*What you are asked to do*
Say how many lines of the listing below hold the word "glazed". Give only that number.
━━━ Data in this exercise ━━━
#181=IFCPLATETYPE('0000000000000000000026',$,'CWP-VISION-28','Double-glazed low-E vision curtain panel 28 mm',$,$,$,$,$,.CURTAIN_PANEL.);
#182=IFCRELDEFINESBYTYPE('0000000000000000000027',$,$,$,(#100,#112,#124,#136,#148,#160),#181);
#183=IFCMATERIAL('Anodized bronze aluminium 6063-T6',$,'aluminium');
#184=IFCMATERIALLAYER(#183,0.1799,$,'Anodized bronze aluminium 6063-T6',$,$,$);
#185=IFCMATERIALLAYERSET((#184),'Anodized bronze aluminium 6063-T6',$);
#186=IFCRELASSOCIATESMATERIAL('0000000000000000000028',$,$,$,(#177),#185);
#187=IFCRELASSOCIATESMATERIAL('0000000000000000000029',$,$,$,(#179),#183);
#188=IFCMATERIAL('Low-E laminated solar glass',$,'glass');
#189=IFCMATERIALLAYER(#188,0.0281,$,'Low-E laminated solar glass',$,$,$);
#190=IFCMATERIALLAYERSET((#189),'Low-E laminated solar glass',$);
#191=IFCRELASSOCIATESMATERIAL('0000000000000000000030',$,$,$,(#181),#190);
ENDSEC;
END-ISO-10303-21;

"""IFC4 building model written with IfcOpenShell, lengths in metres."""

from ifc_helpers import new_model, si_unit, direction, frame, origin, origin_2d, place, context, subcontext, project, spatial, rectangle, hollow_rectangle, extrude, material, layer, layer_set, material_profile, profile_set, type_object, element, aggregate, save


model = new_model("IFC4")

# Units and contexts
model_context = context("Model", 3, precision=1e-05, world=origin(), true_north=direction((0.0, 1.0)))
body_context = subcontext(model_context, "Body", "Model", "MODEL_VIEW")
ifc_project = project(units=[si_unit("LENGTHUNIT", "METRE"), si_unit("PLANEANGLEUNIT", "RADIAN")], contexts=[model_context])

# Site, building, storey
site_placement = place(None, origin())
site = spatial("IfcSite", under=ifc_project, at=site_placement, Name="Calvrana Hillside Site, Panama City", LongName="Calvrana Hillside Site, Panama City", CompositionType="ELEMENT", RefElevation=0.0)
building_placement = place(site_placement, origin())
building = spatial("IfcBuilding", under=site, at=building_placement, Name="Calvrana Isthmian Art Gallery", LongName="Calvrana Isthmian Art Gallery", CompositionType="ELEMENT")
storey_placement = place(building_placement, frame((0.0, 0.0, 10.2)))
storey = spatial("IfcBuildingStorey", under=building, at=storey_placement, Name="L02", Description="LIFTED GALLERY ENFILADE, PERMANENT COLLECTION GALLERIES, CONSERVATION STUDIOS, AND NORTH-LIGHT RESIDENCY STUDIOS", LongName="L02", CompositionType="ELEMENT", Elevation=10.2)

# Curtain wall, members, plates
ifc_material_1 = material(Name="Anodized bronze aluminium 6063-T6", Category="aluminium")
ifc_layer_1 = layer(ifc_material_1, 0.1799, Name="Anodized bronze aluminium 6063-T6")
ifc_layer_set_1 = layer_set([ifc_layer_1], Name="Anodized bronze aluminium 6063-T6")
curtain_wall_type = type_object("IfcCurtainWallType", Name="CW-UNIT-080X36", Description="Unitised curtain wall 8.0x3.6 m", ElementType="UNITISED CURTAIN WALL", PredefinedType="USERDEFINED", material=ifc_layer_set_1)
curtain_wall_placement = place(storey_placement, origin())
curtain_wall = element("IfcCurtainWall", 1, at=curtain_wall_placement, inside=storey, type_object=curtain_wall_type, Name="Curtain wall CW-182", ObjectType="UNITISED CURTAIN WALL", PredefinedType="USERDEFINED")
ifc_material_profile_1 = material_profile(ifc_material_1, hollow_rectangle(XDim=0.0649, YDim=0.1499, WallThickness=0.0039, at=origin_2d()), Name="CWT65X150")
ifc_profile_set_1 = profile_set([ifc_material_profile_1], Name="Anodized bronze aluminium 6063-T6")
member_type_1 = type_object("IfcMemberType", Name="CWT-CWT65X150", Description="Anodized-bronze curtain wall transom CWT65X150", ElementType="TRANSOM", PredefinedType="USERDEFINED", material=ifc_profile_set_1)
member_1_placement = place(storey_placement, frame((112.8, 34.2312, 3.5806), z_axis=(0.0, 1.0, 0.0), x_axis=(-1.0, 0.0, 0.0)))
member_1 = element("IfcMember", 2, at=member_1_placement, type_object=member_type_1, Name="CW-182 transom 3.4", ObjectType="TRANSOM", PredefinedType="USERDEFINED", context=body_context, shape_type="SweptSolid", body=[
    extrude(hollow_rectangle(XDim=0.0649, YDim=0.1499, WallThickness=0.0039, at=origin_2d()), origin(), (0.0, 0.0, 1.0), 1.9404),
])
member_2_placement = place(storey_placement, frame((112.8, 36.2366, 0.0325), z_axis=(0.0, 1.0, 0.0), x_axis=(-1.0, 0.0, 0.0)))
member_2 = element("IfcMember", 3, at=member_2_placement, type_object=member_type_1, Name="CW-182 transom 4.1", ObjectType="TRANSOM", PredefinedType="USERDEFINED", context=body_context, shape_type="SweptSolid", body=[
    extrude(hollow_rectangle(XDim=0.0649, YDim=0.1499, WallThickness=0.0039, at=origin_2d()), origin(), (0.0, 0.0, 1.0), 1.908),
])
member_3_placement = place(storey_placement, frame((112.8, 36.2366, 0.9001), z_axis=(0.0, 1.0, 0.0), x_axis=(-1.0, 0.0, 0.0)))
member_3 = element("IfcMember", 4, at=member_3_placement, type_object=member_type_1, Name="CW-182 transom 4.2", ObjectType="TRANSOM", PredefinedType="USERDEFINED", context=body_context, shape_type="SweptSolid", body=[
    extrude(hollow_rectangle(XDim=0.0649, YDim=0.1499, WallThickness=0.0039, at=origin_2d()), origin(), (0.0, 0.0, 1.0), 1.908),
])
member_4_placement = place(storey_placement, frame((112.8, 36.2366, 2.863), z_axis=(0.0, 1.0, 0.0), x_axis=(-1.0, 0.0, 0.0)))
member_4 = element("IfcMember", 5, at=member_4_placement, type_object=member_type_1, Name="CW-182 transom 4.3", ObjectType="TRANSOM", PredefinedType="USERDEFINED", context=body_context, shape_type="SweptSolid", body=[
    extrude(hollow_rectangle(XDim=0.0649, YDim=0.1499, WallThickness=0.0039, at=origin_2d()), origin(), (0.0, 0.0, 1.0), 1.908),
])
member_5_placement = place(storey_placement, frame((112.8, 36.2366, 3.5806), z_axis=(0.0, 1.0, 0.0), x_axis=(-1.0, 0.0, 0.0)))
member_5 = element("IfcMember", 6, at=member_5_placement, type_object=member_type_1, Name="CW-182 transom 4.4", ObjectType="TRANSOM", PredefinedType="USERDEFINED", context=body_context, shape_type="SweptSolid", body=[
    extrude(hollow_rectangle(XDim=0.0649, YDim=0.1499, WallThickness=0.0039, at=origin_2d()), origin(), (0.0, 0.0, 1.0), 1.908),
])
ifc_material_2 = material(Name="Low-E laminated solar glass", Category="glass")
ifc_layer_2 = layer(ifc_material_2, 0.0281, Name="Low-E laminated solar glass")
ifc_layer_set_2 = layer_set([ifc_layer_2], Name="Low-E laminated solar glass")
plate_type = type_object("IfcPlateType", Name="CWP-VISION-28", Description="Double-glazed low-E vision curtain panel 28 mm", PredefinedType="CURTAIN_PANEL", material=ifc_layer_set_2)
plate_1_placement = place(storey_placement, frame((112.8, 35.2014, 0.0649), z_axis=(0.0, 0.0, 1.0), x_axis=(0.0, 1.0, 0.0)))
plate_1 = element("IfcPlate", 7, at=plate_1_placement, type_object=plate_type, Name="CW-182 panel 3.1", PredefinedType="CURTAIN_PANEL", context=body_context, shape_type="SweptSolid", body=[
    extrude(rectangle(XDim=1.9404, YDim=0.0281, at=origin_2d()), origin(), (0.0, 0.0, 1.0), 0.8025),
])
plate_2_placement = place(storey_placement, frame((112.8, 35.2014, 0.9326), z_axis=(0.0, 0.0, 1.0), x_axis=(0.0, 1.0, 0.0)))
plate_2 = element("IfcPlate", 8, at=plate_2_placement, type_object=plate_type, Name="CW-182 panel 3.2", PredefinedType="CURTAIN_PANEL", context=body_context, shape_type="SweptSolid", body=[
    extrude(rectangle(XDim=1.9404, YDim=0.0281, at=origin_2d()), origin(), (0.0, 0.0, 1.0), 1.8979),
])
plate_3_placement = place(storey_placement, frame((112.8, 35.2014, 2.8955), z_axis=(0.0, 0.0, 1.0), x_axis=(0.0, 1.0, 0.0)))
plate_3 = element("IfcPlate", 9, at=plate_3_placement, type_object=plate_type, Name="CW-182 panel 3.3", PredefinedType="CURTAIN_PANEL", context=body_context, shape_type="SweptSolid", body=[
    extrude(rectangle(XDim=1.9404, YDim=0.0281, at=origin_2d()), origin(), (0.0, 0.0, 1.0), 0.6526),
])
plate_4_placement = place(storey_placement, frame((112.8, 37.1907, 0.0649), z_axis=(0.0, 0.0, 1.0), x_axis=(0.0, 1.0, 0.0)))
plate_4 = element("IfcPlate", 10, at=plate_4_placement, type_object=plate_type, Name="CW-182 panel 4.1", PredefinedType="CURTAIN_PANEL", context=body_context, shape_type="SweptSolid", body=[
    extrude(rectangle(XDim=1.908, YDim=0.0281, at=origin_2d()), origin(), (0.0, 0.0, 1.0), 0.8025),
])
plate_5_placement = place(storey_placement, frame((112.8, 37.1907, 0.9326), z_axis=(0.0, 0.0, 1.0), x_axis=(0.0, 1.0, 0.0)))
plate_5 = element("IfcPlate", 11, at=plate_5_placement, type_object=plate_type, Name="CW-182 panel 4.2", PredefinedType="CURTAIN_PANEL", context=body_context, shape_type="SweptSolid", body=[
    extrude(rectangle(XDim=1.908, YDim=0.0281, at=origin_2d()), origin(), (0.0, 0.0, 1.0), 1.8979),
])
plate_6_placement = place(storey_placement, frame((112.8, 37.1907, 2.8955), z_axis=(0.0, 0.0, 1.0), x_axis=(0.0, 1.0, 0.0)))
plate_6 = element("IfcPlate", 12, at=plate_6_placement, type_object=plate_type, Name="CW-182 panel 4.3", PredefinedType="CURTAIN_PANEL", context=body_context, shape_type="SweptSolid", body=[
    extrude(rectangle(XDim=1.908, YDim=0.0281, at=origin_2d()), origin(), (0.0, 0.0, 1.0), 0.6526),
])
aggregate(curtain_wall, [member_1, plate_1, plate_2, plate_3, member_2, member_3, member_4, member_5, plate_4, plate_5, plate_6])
━━━
*Answer to this exercise*
2